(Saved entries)
##########

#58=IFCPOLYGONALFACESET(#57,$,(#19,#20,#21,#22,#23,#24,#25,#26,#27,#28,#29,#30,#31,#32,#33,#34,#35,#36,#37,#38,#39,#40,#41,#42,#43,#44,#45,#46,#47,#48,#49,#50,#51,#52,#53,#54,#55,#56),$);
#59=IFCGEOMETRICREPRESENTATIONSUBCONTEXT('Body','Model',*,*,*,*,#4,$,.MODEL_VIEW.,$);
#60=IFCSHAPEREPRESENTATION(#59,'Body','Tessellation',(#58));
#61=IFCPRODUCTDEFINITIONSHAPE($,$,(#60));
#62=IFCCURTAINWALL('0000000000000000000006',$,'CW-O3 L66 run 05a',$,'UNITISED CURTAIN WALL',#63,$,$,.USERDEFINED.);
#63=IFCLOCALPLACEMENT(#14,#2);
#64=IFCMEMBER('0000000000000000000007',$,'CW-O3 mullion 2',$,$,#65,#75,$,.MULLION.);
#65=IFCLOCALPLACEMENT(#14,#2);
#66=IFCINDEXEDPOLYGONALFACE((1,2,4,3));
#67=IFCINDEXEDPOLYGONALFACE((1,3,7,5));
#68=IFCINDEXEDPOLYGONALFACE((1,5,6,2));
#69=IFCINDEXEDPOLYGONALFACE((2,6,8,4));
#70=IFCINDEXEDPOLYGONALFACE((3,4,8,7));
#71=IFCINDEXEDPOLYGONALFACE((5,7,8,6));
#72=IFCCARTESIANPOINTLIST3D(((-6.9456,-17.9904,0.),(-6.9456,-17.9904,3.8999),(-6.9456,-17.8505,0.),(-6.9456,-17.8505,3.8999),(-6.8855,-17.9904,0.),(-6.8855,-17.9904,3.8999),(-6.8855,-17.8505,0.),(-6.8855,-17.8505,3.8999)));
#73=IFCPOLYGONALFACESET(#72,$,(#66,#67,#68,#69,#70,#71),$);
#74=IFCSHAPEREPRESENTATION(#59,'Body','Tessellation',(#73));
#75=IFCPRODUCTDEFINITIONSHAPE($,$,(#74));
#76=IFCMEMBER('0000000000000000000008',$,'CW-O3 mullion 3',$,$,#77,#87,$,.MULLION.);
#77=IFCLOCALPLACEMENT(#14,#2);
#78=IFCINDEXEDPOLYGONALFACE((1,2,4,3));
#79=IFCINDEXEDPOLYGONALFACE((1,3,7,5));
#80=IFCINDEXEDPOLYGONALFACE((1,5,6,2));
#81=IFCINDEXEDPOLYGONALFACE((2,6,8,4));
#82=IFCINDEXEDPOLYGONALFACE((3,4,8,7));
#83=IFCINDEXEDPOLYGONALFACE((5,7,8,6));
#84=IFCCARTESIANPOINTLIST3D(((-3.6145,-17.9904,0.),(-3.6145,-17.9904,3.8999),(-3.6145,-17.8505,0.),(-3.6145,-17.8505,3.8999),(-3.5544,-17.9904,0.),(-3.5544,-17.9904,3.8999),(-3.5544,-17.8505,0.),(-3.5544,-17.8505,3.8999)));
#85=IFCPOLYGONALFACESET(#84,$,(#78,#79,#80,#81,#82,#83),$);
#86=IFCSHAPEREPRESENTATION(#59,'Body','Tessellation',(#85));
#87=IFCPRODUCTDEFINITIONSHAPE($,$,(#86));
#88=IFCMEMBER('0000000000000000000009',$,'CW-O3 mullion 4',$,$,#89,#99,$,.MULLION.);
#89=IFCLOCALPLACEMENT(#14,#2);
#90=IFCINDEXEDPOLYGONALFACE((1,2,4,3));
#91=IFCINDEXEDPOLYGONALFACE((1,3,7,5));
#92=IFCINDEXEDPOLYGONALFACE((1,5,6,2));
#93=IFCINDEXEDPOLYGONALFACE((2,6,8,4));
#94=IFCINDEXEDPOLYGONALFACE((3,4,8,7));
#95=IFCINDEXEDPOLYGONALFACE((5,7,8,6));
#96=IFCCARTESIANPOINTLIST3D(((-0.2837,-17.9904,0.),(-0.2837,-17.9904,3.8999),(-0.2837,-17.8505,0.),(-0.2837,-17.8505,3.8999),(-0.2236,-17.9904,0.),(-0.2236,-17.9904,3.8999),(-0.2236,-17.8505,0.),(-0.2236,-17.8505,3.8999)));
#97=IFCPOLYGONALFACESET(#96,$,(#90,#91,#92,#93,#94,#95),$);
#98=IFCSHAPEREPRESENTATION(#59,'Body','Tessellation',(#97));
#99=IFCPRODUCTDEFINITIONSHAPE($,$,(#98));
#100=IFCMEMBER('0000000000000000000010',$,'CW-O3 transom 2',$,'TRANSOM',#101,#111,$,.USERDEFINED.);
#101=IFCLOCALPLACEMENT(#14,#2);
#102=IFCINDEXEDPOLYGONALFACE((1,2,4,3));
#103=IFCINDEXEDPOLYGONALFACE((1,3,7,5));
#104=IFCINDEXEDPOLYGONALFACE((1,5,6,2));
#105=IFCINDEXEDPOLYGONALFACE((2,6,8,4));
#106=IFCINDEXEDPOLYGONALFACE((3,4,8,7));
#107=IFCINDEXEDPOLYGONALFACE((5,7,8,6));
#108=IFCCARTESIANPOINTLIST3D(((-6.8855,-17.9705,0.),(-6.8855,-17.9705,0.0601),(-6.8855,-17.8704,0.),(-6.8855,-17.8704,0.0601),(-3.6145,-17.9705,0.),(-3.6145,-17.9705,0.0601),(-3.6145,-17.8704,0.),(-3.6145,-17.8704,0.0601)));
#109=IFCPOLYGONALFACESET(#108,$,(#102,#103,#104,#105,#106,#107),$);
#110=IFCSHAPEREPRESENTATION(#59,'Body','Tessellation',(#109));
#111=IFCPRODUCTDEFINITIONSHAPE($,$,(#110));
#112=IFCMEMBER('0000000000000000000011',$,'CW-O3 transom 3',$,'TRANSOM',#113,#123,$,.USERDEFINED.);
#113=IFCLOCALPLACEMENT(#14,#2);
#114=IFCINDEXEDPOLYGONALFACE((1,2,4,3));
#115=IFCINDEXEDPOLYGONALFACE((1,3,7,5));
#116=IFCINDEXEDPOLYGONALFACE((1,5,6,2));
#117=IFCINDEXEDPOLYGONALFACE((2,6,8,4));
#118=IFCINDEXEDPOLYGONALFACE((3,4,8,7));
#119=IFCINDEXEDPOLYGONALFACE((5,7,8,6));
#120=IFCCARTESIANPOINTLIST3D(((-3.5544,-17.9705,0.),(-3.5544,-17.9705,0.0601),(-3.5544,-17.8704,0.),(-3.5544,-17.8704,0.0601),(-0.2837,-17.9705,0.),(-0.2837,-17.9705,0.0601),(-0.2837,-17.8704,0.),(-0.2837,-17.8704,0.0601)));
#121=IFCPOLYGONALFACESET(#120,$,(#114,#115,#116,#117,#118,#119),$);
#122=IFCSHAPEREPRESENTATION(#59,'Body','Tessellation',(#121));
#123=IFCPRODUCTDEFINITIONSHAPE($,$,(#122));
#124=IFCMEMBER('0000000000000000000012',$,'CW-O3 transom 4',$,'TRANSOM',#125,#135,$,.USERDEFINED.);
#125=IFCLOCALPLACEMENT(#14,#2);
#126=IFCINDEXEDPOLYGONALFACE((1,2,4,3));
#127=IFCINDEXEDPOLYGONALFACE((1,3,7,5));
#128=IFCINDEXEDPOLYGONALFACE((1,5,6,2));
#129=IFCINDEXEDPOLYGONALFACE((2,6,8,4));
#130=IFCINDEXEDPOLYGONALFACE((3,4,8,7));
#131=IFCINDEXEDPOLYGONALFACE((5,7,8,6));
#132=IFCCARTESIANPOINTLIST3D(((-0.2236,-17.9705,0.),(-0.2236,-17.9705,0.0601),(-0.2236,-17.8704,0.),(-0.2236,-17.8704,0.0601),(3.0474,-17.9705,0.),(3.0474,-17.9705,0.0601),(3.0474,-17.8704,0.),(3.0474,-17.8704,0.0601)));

##########

Lines with "IFCPOLYGONALFACESET" in the records: how many are there? Give only the number.

6